### Activity
In the records that follow, find the line with "#75=IFCINDEXEDPOLYGONALFACE((11,15,16,12));"; from there, retype every line exactly through the line with "#85=IFCINDEXEDPOLYGONALFACE((31,35,36,32));", which also belongs to the answer.

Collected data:
- - - -
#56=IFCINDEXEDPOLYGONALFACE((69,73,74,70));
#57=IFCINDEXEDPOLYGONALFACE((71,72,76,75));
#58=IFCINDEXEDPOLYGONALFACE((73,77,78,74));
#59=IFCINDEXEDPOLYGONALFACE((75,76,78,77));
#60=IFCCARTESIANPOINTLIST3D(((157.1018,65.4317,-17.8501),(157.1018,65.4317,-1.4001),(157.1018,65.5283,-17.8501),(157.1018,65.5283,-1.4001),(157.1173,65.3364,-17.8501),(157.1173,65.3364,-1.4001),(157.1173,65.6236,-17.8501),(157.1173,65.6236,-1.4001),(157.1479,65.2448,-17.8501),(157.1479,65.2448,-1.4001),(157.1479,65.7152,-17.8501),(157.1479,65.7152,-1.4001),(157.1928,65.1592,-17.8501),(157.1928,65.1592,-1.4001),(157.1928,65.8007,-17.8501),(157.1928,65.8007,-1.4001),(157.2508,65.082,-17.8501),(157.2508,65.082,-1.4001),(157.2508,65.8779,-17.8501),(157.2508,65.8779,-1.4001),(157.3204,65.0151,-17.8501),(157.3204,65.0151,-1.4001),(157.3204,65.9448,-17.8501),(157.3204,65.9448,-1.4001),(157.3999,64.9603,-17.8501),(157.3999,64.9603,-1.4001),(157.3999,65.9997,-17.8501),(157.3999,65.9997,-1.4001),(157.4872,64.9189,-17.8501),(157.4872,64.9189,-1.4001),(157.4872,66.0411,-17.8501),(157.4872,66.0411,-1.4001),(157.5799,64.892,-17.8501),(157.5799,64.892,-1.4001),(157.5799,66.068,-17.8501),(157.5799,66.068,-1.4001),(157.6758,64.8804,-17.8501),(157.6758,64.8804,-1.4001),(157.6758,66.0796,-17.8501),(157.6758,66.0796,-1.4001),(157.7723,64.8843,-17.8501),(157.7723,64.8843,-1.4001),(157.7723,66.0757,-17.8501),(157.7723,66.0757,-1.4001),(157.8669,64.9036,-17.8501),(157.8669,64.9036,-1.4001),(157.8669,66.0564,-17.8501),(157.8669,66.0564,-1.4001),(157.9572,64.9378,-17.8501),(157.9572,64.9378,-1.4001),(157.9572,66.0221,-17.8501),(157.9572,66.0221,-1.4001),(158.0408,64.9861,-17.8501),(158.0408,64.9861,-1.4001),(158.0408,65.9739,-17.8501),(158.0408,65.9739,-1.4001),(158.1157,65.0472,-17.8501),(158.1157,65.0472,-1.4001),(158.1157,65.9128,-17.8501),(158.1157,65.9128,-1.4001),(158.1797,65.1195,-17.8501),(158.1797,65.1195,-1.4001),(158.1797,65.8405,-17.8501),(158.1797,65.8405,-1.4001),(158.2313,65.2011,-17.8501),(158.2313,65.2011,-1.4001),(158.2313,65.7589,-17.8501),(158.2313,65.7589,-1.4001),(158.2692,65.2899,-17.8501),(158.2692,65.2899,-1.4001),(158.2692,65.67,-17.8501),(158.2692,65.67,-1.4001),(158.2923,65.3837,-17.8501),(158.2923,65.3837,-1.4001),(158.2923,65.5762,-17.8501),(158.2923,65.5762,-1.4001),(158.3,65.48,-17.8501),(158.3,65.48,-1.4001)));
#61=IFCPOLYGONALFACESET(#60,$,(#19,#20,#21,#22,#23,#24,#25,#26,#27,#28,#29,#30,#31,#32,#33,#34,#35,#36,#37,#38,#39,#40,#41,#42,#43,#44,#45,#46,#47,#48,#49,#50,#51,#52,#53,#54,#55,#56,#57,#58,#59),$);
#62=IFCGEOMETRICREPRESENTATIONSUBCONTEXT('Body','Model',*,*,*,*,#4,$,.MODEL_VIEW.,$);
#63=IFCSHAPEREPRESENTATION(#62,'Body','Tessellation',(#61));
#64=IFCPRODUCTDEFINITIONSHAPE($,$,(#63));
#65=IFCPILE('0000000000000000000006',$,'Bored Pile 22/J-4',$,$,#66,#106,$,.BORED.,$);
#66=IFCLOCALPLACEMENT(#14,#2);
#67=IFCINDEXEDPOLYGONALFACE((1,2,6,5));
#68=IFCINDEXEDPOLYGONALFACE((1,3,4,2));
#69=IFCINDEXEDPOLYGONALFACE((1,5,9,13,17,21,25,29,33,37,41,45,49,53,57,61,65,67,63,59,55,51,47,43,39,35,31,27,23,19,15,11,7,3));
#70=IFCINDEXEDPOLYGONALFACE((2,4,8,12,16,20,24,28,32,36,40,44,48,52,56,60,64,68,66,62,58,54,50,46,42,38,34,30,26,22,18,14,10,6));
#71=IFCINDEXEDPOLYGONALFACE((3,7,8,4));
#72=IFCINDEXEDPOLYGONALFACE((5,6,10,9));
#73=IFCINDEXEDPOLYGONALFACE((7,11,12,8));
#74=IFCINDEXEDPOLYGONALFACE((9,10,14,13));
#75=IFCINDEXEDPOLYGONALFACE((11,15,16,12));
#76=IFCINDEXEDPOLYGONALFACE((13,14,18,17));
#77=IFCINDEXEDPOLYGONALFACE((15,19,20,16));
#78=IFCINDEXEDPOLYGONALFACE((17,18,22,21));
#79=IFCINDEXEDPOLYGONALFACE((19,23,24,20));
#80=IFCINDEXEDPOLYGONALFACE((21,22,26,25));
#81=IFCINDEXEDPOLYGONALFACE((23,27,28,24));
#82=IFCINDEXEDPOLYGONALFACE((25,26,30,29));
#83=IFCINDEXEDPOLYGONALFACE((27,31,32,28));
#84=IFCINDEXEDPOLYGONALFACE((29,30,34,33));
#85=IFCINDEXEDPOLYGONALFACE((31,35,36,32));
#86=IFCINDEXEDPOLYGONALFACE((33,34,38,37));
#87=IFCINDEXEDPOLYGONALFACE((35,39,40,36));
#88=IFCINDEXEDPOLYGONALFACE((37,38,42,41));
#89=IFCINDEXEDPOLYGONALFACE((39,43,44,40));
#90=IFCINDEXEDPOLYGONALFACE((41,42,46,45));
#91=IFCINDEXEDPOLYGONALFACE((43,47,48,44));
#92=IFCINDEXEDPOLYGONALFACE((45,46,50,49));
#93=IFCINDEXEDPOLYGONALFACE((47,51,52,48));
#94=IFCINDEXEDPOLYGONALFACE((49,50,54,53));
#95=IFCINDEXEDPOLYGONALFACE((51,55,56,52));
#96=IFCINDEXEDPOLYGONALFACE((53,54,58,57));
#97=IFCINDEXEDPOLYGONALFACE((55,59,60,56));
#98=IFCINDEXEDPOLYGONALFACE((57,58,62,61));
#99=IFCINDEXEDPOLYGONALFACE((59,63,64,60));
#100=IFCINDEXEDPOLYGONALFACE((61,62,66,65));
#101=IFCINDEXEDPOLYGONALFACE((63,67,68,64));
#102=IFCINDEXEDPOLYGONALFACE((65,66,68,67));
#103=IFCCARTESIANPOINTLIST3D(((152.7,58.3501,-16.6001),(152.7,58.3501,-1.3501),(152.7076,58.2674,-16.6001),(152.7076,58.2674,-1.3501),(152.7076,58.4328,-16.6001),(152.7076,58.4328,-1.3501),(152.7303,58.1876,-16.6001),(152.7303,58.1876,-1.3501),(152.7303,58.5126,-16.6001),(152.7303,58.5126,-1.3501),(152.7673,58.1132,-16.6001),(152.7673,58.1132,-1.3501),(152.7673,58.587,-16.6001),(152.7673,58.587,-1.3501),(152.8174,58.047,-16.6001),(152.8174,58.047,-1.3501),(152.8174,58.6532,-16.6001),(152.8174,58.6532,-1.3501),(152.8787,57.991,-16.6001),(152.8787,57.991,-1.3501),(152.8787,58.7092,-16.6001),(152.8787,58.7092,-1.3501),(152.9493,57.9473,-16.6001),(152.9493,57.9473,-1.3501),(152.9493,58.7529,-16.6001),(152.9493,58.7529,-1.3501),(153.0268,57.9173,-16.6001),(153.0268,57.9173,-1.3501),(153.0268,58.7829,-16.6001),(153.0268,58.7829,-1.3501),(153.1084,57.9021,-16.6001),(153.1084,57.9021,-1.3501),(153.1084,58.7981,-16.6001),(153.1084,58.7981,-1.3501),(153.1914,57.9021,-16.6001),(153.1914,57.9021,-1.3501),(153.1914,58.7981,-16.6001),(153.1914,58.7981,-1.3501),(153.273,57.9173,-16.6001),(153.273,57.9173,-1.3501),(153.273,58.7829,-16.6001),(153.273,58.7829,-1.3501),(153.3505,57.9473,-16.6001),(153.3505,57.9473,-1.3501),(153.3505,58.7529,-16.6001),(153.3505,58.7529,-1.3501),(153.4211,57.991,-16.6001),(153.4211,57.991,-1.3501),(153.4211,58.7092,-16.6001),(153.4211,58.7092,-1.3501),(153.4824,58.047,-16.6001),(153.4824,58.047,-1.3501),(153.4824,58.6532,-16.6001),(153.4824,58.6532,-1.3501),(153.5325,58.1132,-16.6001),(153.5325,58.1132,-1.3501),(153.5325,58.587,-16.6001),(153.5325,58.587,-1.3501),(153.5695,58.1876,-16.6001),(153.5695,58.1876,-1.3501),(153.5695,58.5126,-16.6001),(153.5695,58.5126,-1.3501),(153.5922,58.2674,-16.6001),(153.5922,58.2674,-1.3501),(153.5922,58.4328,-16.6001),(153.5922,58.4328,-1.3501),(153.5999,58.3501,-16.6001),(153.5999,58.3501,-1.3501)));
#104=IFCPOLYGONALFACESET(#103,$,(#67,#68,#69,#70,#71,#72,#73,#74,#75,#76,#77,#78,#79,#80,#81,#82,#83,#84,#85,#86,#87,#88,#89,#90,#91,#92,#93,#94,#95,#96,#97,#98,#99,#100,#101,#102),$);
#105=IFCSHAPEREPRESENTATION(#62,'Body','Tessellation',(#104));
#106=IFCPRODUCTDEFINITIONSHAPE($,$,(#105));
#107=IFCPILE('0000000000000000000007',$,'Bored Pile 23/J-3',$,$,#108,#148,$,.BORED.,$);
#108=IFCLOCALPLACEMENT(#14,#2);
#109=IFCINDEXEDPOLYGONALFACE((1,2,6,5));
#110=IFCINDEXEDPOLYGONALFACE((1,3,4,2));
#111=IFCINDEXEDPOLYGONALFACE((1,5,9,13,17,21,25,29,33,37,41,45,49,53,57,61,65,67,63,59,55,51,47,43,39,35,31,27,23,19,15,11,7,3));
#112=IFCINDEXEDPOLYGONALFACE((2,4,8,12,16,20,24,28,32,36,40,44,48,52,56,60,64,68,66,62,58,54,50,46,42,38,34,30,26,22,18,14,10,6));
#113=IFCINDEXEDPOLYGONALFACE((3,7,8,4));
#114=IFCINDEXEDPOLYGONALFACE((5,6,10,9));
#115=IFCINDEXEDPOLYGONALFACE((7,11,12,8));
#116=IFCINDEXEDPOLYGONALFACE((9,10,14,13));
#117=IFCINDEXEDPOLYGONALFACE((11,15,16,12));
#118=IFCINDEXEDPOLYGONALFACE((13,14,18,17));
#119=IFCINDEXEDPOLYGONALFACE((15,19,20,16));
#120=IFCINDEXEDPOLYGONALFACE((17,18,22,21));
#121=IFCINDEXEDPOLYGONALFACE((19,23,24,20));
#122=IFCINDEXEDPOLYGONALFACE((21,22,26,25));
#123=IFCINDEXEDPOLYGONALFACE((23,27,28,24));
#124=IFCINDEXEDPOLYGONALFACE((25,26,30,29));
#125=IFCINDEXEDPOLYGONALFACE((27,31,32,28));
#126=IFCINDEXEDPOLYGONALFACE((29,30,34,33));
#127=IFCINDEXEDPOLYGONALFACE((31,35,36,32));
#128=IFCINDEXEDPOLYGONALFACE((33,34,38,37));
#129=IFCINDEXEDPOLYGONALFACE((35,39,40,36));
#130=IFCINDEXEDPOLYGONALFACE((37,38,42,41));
- - - -
### Your response
#75=IFCINDEXEDPOLYGONALFACE((11,15,16,12));
#76=IFCINDEXEDPOLYGONALFACE((13,14,18,17));
#77=IFCINDEXEDPOLYGONALFACE((15,19,20,16));
#78=IFCINDEXEDPOLYGONALFACE((17,18,22,21));
#79=IFCINDEXEDPOLYGONALFACE((19,23,24,20));
#80=IFCINDEXEDPOLYGONALFACE((21,22,26,25));
#81=IFCINDEXEDPOLYGONALFACE((23,27,28,24));
#82=IFCINDEXEDPOLYGONALFACE((25,26,30,29));
#83=IFCINDEXEDPOLYGONALFACE((27,31,32,28));
#84=IFCINDEXEDPOLYGONALFACE((29,30,34,33));
#85=IFCINDEXEDPOLYGONALFACE((31,35,36,32));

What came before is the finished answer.